TRY IT →
Look through the entries below and extract exactly the lines from the one containing "#116=IFCSHAPEREPRESENTATION(#59,'Body','Tessellation',(#115));" through the one containing "#119=IFCLOCALPLACEMENT(#14,#2);", ends included.

Dataset entries
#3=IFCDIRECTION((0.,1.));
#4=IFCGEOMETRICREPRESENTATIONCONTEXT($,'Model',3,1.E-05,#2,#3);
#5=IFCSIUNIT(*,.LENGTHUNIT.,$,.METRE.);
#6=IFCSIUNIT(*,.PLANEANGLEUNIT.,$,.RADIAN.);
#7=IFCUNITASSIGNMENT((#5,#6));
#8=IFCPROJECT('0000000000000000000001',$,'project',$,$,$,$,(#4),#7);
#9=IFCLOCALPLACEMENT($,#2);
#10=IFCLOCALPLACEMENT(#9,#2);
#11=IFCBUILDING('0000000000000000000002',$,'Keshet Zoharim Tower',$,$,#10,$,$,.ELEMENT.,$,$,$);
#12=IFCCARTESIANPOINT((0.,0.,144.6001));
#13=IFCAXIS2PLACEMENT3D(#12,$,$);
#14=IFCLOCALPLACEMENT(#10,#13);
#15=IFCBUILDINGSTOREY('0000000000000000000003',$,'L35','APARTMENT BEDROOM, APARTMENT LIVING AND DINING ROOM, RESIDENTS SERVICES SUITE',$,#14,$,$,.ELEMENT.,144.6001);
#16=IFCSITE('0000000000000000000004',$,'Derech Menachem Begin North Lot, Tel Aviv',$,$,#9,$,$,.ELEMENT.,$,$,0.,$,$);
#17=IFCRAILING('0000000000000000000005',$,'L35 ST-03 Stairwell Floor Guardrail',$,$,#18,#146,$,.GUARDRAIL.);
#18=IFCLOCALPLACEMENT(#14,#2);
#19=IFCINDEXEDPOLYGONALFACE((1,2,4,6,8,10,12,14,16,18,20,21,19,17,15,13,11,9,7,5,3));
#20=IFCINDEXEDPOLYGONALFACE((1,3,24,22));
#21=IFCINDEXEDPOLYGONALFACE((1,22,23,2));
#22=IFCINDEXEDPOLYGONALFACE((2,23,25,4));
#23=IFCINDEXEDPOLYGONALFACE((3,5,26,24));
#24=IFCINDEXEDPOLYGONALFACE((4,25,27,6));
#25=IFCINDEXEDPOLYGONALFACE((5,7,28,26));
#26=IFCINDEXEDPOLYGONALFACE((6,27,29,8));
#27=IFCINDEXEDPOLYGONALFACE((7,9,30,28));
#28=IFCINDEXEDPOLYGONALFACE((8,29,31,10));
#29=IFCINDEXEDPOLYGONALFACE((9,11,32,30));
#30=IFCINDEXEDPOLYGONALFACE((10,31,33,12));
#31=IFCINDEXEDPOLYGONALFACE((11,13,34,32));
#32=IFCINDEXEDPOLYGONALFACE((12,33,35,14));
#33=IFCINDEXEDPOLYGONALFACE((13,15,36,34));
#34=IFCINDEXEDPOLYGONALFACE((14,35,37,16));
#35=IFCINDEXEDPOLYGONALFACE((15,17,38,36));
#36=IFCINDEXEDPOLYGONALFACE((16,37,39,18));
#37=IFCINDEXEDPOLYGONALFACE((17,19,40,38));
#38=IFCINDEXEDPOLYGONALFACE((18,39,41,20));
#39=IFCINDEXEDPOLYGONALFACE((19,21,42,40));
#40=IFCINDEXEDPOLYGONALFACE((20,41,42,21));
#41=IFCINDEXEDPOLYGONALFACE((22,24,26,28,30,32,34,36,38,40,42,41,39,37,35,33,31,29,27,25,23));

* * *

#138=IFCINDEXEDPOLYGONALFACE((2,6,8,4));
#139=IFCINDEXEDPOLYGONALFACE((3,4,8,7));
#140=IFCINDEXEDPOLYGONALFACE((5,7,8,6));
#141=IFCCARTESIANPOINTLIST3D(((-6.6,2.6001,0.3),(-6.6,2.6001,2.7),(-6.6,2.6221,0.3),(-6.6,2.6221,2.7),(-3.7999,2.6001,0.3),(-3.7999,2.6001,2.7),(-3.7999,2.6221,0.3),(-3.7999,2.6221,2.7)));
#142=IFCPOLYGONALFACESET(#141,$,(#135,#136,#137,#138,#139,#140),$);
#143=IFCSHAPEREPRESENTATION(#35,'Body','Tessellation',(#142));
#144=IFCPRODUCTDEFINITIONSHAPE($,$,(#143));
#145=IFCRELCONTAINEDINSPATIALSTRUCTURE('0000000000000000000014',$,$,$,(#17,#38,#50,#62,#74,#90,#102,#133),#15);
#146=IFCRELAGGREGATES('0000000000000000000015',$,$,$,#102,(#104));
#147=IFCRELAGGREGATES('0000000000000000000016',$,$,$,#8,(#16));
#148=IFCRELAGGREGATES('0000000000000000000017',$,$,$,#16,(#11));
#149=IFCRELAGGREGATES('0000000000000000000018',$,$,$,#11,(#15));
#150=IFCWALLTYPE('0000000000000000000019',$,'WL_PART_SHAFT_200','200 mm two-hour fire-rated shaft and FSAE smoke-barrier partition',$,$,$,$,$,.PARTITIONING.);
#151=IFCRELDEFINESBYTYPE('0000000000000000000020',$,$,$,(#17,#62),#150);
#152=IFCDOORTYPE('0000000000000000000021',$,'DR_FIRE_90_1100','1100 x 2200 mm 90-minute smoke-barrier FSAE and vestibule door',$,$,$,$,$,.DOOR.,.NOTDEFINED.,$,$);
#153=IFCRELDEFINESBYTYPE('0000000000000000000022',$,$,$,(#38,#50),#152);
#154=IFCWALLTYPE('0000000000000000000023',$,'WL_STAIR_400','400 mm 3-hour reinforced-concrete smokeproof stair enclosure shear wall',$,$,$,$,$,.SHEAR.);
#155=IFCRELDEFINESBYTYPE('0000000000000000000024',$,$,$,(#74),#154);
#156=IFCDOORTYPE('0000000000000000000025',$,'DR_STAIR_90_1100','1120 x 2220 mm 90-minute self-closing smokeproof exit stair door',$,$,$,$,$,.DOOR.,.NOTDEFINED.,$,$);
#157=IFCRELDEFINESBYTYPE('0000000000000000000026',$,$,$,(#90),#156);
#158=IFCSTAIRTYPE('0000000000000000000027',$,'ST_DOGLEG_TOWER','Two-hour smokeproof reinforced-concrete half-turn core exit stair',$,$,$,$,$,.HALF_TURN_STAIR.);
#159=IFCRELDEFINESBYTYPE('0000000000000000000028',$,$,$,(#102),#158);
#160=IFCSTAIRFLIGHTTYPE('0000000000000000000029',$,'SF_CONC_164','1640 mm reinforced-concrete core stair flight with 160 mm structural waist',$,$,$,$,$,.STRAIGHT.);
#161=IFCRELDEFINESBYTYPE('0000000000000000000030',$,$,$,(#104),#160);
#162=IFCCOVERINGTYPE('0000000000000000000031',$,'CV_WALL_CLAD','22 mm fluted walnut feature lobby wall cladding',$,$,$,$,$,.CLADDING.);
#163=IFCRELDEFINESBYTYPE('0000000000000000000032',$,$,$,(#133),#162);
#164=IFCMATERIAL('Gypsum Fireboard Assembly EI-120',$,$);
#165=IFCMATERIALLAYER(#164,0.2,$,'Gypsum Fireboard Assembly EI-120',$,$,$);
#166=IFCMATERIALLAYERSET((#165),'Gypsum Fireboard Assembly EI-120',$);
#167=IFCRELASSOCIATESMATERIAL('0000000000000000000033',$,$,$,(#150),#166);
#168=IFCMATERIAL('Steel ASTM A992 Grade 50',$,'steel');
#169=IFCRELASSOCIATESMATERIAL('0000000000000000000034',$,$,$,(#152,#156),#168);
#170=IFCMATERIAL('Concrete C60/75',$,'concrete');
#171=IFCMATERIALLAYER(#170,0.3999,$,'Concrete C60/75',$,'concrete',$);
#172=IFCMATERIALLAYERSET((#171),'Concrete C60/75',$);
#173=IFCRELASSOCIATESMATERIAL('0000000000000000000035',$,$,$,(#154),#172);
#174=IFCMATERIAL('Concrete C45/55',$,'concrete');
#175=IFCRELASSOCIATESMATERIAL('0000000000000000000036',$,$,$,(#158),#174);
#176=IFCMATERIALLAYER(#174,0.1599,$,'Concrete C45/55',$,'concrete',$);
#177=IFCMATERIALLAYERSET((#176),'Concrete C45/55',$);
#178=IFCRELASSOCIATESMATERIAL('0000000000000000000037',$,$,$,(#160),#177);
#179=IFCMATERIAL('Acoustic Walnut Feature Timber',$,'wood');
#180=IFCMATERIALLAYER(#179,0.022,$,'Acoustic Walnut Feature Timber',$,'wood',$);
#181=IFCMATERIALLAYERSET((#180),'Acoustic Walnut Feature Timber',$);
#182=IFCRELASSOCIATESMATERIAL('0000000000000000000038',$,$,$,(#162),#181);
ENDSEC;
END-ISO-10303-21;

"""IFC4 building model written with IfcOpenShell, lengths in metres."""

---

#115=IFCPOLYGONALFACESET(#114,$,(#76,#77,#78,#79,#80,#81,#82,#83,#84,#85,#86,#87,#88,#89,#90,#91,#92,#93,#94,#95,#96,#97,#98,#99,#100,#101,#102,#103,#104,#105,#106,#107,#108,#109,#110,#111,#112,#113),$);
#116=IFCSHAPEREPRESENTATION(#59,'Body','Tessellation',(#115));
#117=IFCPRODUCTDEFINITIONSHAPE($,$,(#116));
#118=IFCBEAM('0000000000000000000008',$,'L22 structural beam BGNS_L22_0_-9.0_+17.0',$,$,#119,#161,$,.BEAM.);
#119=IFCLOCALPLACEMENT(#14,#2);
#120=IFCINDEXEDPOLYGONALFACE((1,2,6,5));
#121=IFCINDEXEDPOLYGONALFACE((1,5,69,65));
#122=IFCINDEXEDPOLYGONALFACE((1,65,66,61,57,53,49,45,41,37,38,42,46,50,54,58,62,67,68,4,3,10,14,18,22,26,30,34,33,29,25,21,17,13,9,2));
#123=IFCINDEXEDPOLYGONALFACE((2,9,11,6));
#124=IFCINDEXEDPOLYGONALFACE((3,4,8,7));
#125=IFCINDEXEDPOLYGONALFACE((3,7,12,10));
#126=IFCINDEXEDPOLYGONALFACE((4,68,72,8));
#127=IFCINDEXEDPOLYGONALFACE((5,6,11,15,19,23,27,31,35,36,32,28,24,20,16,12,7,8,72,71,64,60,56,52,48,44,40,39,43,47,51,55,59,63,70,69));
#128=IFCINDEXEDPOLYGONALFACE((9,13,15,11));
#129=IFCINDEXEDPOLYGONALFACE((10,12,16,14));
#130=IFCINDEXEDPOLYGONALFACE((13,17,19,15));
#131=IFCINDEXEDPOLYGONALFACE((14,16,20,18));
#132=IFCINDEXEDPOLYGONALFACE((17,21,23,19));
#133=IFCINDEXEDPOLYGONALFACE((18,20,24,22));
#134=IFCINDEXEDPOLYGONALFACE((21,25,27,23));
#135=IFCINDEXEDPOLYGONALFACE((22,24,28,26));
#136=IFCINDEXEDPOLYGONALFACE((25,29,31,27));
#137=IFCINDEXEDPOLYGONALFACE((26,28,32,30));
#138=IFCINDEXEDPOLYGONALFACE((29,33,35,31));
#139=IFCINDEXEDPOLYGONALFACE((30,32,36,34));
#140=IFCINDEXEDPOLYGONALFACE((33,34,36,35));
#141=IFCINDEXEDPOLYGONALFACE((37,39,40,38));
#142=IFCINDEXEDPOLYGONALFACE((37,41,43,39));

EXERCISE RESPONSE →
#116=IFCSHAPEREPRESENTATION(#59,'Body','Tessellation',(#115));
#117=IFCPRODUCTDEFINITIONSHAPE($,$,(#116));
#118=IFCBEAM('0000000000000000000008',$,'L22 structural beam BGNS_L22_0_-9.0_+17.0',$,$,#119,#161,$,.BEAM.);
#119=IFCLOCALPLACEMENT(#14,#2);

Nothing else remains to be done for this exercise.